Copy out all lines in the data below containing the string "Tessellation".

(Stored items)
+++
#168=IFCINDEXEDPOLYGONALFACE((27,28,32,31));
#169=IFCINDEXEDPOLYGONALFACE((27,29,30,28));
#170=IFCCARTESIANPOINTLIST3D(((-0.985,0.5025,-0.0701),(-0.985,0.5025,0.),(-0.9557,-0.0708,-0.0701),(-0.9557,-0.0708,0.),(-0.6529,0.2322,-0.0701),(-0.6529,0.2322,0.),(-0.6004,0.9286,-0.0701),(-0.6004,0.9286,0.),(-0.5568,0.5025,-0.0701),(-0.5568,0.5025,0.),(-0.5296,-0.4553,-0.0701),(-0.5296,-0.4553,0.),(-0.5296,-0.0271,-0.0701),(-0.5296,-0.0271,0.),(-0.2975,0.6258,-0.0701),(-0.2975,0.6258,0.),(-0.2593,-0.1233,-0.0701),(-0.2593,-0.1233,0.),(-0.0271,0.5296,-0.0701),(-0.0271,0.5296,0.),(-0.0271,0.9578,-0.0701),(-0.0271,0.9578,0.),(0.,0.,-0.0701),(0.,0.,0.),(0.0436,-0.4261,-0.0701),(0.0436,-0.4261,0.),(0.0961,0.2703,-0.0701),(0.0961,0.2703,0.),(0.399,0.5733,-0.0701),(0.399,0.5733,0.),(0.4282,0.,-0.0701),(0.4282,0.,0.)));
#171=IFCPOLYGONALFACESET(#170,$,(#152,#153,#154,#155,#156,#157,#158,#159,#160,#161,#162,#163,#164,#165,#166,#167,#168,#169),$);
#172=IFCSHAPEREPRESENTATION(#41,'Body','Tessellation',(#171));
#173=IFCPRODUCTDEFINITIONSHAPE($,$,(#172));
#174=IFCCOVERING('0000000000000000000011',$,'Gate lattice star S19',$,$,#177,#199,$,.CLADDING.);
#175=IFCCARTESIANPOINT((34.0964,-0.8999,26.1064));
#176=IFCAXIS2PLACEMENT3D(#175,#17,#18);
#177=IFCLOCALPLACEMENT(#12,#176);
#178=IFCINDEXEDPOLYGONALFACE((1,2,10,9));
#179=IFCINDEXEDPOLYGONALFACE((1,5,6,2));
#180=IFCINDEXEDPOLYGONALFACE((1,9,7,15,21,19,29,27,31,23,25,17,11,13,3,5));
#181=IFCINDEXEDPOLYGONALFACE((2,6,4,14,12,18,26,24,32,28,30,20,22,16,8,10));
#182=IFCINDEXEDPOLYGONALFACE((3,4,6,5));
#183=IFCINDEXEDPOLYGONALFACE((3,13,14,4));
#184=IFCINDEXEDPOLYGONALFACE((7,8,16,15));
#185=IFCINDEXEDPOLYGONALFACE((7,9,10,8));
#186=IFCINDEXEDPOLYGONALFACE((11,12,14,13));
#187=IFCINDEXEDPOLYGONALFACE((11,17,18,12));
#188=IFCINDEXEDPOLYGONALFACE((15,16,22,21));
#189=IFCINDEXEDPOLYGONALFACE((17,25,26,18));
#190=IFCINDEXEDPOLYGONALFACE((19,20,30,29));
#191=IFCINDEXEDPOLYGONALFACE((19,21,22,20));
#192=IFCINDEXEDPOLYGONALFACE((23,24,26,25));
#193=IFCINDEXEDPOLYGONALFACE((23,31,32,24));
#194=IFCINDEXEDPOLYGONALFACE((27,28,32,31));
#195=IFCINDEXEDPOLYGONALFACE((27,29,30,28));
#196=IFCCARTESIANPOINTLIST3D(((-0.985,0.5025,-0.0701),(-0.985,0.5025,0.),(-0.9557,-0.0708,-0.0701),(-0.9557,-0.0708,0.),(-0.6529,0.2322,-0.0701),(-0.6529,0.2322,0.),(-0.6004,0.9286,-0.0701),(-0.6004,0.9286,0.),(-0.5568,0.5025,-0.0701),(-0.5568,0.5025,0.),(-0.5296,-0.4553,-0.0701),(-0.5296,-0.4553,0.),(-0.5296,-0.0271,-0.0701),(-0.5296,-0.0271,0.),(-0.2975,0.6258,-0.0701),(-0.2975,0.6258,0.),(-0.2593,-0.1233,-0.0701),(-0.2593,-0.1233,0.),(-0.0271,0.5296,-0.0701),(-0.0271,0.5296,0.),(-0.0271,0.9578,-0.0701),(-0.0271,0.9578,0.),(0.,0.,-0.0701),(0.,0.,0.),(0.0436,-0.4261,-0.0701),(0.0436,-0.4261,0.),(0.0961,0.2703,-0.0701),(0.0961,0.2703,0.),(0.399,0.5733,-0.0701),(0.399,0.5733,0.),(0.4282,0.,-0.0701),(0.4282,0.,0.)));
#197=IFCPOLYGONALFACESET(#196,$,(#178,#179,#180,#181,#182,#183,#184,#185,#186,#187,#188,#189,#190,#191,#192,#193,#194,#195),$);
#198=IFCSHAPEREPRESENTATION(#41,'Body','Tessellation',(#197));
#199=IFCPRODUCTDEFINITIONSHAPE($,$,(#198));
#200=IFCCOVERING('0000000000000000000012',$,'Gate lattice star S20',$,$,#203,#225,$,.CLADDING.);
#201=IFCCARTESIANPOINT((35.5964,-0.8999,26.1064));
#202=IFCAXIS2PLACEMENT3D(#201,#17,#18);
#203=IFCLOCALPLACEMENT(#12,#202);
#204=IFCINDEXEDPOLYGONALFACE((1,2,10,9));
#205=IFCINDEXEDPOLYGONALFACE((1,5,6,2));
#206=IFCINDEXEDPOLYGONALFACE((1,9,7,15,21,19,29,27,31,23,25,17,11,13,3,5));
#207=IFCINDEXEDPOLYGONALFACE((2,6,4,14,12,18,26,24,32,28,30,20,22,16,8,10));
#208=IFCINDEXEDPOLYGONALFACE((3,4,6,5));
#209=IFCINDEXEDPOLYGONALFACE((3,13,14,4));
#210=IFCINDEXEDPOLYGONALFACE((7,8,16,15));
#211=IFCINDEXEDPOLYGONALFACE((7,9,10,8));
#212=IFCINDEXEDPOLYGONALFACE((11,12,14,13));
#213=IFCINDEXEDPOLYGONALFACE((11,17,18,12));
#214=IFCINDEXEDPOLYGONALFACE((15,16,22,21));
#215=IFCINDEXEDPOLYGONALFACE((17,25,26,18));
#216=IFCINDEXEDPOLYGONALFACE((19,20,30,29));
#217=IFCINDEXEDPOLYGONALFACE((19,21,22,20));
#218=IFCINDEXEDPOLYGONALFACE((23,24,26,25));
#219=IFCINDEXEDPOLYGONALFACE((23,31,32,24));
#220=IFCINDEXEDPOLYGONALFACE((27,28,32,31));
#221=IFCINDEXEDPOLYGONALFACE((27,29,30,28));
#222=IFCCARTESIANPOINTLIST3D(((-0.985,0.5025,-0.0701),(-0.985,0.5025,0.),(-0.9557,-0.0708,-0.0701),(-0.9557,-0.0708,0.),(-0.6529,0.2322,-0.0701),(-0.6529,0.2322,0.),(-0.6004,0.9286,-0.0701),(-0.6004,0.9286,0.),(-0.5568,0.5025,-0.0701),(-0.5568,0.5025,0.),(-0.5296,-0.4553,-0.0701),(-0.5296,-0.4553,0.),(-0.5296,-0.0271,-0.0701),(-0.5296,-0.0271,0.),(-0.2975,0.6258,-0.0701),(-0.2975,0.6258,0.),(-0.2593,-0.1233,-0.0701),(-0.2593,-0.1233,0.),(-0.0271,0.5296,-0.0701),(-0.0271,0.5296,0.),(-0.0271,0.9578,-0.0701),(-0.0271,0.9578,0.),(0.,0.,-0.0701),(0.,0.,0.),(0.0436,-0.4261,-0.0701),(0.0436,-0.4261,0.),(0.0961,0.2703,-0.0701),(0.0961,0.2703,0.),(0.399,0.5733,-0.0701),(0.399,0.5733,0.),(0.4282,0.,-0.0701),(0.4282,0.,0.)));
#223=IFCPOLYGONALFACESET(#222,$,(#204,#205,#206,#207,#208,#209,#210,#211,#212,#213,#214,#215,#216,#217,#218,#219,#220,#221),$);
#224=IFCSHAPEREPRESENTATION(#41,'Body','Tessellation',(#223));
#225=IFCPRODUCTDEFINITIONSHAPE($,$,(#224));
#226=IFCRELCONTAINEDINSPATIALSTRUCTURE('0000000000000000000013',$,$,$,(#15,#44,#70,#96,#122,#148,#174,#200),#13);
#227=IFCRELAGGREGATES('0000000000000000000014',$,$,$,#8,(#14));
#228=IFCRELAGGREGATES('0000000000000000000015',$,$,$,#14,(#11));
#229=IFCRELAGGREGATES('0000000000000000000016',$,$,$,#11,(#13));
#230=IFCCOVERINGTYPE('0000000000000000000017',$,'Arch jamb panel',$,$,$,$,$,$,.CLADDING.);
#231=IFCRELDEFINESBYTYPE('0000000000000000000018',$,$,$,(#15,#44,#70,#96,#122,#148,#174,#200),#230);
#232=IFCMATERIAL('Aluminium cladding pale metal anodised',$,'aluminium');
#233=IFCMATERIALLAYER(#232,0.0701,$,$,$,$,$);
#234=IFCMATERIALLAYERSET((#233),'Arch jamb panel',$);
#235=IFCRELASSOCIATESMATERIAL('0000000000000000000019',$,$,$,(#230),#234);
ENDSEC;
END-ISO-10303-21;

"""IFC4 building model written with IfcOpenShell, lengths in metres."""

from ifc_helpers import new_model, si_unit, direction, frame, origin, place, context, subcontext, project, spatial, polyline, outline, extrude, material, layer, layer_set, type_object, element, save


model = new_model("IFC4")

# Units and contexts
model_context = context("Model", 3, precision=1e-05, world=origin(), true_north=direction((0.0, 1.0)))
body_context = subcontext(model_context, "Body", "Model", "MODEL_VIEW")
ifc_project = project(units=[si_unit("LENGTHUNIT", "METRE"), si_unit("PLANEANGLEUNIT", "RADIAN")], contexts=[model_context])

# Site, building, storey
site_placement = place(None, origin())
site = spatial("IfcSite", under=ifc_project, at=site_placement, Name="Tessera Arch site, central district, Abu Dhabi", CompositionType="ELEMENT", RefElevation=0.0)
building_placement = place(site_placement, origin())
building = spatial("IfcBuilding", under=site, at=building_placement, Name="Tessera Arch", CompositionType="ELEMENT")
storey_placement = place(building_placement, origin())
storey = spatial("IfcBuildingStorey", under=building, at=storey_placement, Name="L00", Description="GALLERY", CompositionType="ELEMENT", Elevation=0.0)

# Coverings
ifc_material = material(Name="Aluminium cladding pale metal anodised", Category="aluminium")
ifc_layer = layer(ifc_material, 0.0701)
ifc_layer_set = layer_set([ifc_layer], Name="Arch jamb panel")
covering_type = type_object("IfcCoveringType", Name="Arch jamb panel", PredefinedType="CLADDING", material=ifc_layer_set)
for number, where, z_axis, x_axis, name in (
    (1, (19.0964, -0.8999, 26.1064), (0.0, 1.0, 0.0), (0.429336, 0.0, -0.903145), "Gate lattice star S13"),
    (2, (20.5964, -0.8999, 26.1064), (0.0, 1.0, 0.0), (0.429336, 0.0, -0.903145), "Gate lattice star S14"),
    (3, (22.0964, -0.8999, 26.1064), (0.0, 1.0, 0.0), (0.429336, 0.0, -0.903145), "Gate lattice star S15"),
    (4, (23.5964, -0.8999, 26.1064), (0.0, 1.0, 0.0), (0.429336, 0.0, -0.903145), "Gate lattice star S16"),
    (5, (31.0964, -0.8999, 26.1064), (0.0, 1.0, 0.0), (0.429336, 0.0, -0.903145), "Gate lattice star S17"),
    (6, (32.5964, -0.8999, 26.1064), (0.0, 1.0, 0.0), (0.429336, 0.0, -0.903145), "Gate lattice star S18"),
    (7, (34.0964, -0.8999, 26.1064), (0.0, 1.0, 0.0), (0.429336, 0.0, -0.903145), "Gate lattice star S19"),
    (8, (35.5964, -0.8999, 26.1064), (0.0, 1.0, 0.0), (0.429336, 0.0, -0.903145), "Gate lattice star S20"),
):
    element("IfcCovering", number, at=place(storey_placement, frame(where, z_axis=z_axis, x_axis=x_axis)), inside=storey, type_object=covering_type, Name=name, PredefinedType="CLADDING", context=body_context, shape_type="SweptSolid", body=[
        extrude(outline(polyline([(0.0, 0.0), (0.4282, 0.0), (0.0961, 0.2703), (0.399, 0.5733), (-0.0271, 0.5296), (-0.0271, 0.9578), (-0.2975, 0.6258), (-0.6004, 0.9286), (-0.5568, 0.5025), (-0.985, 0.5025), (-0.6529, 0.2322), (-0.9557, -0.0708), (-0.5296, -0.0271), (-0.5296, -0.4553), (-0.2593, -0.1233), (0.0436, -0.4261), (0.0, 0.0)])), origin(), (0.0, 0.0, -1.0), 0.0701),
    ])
+++
= Response to the exercise =
#172=IFCSHAPEREPRESENTATION(#41,'Body','Tessellation',(#171));
#198=IFCSHAPEREPRESENTATION(#41,'Body','Tessellation',(#197));
#224=IFCSHAPEREPRESENTATION(#41,'Body','Tessellation',(#223));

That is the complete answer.